→ **WHAT THIS TASK INVOLVES**: Show every line in the records below that contains the word "IFCRELCONTAINEDINSPATIALSTRUCTURE".

===

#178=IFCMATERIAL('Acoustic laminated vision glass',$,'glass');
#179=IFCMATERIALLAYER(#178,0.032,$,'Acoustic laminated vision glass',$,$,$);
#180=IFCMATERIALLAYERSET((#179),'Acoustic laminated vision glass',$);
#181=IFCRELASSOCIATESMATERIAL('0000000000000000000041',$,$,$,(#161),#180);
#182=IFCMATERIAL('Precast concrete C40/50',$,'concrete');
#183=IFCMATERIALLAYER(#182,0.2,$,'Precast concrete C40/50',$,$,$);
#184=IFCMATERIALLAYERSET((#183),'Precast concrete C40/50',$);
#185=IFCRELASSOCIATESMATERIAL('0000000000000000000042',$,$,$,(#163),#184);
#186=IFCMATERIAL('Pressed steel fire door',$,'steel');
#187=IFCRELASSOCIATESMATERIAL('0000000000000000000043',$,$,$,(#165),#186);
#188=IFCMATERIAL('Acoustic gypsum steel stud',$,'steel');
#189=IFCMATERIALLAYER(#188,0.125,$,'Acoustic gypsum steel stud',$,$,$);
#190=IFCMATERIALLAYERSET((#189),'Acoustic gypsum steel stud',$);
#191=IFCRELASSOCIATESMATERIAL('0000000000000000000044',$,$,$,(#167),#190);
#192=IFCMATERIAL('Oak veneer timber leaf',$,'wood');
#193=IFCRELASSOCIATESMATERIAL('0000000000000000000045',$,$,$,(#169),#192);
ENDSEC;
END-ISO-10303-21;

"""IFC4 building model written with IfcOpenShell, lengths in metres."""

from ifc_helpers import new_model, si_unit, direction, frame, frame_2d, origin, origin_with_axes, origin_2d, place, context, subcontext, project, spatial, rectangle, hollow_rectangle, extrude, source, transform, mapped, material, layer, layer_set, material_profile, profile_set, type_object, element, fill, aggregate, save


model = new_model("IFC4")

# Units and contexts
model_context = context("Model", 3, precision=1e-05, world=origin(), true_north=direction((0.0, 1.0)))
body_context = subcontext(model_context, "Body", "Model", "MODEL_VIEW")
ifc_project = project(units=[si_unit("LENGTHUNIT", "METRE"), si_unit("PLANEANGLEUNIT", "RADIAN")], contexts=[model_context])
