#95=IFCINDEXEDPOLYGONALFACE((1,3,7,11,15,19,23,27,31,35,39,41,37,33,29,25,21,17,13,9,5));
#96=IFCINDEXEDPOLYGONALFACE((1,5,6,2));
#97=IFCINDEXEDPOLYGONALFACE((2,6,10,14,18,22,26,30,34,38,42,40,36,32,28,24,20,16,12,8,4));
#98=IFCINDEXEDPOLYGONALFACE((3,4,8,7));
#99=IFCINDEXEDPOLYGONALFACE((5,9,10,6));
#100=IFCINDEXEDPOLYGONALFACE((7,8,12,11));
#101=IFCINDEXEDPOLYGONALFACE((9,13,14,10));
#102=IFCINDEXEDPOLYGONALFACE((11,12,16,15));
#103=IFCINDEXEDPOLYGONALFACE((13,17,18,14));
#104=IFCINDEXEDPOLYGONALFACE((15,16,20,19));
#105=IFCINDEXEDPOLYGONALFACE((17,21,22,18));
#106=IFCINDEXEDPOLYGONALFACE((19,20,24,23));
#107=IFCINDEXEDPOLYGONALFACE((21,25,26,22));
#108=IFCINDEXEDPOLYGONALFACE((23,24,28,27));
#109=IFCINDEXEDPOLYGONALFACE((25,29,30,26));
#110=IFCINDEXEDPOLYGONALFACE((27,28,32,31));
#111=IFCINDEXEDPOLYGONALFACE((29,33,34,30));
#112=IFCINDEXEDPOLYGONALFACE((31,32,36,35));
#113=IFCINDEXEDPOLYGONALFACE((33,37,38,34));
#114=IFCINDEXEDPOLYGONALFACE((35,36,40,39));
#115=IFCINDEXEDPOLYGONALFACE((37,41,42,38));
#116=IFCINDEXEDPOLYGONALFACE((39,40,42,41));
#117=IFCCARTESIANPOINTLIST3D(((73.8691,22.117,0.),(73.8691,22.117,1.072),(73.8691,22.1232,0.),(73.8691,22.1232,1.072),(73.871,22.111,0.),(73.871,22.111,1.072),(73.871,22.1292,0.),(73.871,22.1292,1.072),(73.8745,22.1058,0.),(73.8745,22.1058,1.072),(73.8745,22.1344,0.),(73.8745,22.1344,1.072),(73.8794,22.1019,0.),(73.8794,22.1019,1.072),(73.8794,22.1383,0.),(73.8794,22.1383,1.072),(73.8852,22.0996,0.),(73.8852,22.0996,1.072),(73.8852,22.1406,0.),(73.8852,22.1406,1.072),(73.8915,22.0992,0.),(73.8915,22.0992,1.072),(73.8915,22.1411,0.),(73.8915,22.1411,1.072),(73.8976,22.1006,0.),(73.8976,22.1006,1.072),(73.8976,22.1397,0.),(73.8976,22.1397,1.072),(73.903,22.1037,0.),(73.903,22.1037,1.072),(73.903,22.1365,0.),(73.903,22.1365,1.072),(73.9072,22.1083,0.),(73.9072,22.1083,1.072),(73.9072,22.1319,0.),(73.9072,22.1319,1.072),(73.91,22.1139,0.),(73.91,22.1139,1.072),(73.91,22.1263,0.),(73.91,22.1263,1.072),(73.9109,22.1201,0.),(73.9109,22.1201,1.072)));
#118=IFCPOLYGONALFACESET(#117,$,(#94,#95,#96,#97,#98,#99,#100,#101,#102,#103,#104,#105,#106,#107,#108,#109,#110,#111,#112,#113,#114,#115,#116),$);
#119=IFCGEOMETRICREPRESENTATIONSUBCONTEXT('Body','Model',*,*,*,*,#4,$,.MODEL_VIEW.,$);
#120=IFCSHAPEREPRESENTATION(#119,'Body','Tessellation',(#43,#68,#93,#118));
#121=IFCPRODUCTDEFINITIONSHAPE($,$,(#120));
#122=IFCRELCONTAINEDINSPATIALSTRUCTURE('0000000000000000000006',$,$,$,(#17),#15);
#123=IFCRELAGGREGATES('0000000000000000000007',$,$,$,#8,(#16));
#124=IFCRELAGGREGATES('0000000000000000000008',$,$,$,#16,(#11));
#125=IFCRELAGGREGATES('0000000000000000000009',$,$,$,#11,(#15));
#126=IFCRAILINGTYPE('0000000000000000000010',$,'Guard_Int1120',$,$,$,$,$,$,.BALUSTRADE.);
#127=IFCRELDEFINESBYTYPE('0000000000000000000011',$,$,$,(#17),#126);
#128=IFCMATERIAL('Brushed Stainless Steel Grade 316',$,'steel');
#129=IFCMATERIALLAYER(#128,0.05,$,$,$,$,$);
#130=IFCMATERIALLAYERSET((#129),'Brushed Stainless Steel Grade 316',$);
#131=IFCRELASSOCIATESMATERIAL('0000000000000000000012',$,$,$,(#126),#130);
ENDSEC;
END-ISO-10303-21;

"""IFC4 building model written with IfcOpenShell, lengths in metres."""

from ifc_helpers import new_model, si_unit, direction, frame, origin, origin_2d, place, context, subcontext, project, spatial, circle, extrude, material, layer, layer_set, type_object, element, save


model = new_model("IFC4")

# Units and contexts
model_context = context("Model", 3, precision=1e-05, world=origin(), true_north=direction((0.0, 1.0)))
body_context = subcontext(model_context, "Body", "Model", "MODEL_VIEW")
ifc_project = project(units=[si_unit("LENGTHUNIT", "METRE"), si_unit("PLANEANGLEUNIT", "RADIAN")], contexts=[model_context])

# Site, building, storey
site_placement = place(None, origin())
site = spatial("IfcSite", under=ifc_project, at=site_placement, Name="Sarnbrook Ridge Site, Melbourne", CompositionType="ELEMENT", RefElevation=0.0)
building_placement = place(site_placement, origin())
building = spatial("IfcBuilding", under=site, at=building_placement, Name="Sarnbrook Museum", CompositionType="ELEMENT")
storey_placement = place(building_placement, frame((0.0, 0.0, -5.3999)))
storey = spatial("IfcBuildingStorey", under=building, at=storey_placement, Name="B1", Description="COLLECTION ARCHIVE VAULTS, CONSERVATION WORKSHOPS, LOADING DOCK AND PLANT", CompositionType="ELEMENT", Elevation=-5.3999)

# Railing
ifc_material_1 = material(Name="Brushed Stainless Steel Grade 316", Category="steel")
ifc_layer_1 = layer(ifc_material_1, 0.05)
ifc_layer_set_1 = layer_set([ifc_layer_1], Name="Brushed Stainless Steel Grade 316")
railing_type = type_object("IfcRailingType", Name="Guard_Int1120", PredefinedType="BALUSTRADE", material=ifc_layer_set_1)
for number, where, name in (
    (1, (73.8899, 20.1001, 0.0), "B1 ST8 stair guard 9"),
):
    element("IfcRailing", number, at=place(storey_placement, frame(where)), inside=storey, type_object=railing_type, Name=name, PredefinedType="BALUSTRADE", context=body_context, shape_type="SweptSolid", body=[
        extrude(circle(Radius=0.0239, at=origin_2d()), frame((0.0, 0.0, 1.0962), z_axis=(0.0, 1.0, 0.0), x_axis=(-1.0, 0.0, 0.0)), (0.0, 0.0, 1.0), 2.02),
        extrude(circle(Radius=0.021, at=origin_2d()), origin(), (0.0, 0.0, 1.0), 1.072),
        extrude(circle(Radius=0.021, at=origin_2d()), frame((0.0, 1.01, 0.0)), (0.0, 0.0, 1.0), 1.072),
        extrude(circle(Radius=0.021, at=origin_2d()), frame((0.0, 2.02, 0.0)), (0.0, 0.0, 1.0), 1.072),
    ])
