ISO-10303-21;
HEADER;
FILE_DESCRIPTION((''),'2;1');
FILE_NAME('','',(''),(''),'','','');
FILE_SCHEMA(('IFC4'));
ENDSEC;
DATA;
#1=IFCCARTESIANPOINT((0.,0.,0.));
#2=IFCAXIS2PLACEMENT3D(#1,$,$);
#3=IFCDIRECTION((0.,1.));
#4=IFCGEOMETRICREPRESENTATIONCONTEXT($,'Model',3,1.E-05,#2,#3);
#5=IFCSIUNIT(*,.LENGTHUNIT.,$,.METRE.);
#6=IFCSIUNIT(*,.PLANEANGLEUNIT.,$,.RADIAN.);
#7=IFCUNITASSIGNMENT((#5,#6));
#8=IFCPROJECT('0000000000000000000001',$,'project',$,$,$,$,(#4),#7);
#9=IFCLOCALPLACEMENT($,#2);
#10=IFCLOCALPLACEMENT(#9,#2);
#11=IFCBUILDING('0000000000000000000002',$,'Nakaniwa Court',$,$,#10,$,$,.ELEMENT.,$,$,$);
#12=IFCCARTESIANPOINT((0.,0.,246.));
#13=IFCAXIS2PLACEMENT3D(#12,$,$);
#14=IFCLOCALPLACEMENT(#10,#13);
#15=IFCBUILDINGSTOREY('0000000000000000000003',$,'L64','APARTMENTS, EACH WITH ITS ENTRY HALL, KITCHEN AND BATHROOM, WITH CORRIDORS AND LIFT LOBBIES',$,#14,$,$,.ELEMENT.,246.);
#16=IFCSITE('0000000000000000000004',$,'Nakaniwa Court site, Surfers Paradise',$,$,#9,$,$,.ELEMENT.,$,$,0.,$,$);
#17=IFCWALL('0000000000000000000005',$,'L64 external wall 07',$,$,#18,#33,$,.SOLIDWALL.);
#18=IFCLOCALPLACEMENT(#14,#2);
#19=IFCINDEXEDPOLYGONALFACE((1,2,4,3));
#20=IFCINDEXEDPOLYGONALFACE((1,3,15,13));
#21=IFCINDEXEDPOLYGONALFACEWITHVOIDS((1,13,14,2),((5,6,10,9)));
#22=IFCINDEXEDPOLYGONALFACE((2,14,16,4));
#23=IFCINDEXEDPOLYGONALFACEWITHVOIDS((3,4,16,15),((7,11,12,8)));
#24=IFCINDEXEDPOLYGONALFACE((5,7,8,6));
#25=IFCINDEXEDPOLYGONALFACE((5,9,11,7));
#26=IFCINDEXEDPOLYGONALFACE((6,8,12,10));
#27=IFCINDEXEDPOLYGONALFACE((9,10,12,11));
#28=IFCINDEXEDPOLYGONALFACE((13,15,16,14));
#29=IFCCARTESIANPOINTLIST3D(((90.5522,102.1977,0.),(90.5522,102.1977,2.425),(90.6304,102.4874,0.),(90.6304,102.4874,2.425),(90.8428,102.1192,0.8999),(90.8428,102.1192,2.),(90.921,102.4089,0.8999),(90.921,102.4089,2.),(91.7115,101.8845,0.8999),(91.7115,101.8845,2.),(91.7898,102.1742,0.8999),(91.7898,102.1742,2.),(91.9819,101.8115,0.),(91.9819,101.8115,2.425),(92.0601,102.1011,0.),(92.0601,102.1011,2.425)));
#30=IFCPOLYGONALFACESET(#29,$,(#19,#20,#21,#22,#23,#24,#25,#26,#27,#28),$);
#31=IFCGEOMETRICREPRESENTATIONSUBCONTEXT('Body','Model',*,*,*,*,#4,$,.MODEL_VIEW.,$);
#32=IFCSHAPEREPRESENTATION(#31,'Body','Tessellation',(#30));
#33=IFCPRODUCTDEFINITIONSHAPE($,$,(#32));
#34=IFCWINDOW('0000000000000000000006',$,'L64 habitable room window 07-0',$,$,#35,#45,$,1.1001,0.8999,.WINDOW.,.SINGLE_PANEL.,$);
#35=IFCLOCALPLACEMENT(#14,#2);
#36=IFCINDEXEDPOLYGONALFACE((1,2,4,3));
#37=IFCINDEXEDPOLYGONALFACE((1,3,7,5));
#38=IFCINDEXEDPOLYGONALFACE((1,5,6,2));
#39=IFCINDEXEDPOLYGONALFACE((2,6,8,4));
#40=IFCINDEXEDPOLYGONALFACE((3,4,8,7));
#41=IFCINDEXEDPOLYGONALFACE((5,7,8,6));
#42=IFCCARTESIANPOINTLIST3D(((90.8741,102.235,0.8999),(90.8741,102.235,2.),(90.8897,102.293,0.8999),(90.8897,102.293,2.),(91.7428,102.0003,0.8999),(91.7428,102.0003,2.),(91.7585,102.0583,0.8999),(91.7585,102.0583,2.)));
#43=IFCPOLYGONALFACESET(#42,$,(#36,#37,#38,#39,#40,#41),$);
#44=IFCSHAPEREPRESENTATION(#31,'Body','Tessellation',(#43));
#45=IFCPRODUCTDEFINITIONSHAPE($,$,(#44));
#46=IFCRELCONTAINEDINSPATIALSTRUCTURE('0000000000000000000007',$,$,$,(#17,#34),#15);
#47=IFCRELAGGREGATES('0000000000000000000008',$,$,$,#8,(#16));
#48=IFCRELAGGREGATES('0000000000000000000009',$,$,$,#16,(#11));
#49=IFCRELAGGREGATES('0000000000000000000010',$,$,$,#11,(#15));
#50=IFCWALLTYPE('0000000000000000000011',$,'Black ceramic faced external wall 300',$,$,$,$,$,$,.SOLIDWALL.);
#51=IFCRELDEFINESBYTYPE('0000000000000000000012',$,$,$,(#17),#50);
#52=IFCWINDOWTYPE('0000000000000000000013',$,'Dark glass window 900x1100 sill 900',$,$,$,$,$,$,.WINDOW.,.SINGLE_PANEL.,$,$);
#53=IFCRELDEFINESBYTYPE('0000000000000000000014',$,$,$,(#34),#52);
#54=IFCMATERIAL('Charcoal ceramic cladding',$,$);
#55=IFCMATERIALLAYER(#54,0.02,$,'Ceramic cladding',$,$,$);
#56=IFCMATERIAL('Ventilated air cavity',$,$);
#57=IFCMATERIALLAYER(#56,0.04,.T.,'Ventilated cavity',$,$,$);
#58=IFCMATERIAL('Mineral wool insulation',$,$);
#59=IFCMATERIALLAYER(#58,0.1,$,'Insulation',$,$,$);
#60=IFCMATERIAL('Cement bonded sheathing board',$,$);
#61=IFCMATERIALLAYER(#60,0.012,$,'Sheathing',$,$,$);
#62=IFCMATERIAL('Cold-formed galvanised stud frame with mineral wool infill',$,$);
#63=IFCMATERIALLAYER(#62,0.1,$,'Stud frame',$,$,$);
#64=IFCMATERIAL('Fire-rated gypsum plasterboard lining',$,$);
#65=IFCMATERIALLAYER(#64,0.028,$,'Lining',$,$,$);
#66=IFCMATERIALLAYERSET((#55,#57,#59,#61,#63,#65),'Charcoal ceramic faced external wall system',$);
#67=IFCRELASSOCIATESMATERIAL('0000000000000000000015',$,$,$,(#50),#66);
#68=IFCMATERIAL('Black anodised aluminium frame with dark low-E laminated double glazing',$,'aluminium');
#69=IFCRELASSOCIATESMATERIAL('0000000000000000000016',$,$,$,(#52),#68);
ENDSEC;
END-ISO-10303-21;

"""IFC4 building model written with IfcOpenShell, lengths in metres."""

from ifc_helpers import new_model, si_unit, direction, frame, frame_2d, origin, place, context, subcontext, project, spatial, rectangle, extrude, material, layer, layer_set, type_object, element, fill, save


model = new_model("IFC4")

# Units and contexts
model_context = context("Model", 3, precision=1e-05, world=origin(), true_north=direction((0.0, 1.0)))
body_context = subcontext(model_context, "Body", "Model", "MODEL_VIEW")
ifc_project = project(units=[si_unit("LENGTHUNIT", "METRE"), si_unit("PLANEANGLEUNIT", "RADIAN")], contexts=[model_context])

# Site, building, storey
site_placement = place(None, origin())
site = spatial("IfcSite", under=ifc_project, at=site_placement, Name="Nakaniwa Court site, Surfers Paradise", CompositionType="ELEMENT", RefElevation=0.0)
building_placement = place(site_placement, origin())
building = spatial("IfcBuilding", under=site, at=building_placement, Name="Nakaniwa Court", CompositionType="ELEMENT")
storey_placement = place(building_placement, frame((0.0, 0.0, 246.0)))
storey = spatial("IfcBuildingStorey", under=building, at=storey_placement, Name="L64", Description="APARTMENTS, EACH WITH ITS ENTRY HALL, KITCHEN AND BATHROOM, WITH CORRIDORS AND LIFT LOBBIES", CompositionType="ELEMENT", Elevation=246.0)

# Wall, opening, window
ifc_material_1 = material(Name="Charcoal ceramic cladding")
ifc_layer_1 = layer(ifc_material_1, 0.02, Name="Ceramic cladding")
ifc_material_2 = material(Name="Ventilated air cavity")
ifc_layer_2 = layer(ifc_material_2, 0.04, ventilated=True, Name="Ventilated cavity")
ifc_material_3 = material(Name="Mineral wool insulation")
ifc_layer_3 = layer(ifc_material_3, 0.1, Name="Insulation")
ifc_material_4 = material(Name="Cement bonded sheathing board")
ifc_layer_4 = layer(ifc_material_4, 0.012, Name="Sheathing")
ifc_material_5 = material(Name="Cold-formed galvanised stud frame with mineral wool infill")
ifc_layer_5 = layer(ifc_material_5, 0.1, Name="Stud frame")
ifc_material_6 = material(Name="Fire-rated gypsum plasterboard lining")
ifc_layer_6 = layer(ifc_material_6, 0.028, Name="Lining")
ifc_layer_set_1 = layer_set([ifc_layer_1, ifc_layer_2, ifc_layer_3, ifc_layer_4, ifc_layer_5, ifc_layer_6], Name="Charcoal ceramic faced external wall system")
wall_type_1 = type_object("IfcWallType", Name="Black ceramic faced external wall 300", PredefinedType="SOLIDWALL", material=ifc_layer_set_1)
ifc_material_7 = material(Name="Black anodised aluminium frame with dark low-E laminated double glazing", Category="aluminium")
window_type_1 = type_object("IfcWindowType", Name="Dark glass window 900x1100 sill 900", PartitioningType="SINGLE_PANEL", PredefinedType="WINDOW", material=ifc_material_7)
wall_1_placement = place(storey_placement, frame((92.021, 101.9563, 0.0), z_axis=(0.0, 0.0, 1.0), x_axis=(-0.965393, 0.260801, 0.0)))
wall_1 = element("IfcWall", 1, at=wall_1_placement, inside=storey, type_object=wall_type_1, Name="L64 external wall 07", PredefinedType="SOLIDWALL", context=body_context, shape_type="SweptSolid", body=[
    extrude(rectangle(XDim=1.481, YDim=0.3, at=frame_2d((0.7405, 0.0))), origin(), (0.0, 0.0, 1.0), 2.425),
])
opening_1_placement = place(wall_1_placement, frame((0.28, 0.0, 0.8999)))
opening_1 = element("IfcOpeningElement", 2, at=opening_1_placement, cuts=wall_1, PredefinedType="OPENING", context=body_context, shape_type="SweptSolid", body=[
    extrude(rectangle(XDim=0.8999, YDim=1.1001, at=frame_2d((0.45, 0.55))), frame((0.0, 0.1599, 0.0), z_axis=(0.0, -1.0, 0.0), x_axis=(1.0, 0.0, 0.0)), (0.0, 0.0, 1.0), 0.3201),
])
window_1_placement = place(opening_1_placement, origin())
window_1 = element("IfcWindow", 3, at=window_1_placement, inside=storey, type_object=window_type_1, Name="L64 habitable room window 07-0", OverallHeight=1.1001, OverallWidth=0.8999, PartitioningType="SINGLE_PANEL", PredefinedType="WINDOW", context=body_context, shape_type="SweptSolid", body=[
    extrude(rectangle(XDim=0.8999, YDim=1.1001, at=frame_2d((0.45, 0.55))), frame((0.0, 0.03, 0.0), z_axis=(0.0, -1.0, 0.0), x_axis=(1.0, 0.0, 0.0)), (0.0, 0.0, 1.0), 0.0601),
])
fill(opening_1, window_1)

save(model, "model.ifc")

===

→ **RESULT OF THIS EXERCISE**:
#122=IFCRELCONTAINEDINSPATIALSTRUCTURE('0000000000000000000006',$,$,$,(#17),#15);
#46=IFCRELCONTAINEDINSPATIALSTRUCTURE('0000000000000000000007',$,$,$,(#17,#34),#15);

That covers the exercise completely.